RAW DATA:
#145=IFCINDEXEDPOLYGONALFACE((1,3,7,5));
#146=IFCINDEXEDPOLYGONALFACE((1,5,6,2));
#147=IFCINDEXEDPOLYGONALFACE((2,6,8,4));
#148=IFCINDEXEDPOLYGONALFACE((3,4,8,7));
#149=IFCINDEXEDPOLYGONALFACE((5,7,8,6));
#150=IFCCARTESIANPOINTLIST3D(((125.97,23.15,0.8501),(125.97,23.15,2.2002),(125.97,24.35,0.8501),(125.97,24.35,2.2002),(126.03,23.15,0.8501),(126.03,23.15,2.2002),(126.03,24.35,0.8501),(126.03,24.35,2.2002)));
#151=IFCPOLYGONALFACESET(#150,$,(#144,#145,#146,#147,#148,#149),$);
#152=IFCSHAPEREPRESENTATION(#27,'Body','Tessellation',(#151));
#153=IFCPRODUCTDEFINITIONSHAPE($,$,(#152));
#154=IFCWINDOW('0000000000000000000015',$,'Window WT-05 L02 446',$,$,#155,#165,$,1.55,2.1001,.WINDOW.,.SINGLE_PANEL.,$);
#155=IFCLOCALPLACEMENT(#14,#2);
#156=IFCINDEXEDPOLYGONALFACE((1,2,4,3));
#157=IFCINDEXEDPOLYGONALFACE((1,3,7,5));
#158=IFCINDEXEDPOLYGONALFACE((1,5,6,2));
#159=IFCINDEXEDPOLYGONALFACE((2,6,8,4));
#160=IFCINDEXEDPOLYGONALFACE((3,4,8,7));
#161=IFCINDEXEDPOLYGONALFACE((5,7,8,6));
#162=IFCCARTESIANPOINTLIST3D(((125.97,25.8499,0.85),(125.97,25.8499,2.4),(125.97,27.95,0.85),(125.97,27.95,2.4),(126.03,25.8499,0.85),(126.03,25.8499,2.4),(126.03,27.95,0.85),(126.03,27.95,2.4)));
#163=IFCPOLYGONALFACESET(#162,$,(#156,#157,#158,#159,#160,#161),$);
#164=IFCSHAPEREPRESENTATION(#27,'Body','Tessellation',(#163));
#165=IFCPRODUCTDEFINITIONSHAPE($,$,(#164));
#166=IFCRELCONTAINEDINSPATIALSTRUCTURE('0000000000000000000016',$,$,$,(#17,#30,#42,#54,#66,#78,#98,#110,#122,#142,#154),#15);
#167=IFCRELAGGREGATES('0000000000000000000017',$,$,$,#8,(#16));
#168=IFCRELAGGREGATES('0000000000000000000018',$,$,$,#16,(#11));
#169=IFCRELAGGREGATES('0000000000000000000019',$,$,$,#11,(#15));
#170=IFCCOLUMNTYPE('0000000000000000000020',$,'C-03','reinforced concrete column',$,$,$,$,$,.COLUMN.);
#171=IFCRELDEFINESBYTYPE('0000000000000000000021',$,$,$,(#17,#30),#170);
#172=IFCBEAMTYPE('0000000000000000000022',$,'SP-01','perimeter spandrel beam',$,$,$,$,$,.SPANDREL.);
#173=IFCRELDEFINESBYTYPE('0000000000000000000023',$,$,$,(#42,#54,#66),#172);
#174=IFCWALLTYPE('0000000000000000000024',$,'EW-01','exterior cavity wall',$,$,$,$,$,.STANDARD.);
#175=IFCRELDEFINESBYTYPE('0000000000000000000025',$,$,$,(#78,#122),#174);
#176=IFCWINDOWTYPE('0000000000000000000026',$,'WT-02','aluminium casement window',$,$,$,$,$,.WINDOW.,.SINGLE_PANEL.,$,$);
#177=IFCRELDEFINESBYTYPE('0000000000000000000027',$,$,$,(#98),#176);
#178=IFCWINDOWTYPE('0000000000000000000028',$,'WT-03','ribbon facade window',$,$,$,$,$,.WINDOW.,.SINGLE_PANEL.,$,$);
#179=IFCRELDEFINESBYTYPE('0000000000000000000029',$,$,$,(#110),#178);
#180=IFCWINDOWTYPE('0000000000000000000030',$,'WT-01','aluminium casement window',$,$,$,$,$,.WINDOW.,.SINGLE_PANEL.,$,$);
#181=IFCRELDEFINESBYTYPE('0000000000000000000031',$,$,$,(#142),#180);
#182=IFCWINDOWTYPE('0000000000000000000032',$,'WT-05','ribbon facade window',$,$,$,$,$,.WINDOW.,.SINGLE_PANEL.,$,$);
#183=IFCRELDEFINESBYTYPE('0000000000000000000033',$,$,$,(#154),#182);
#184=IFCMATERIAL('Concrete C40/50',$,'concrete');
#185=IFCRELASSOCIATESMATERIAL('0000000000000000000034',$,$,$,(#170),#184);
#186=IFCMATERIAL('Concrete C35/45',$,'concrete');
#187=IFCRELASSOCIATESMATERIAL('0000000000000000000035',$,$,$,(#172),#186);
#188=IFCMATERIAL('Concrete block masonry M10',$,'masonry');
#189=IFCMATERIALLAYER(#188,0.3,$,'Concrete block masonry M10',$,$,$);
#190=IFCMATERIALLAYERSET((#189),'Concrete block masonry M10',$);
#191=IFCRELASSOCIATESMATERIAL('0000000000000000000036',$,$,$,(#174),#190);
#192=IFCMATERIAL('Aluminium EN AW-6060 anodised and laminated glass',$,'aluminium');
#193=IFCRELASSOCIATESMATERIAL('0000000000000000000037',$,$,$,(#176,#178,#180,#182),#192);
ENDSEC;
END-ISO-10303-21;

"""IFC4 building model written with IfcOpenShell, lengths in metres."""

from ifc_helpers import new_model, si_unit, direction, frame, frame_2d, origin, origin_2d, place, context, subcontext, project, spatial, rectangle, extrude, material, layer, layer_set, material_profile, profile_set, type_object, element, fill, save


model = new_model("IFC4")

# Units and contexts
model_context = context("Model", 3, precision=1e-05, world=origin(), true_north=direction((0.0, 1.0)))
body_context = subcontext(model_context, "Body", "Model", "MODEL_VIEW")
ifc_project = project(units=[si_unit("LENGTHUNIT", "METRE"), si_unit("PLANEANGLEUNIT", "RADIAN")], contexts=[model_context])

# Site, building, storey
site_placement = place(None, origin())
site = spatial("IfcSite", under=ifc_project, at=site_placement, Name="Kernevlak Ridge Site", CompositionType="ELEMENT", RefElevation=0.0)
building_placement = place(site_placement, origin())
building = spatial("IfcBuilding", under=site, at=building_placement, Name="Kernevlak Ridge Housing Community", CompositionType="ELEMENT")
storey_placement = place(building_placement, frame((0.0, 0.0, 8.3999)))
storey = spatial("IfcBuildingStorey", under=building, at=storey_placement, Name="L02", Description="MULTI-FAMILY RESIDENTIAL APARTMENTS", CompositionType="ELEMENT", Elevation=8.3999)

PROBLEM TO WORK ON: Give only the number of lines in the entries above that hold the string "Kernevlak".

PROBLEM SOLUTION: 2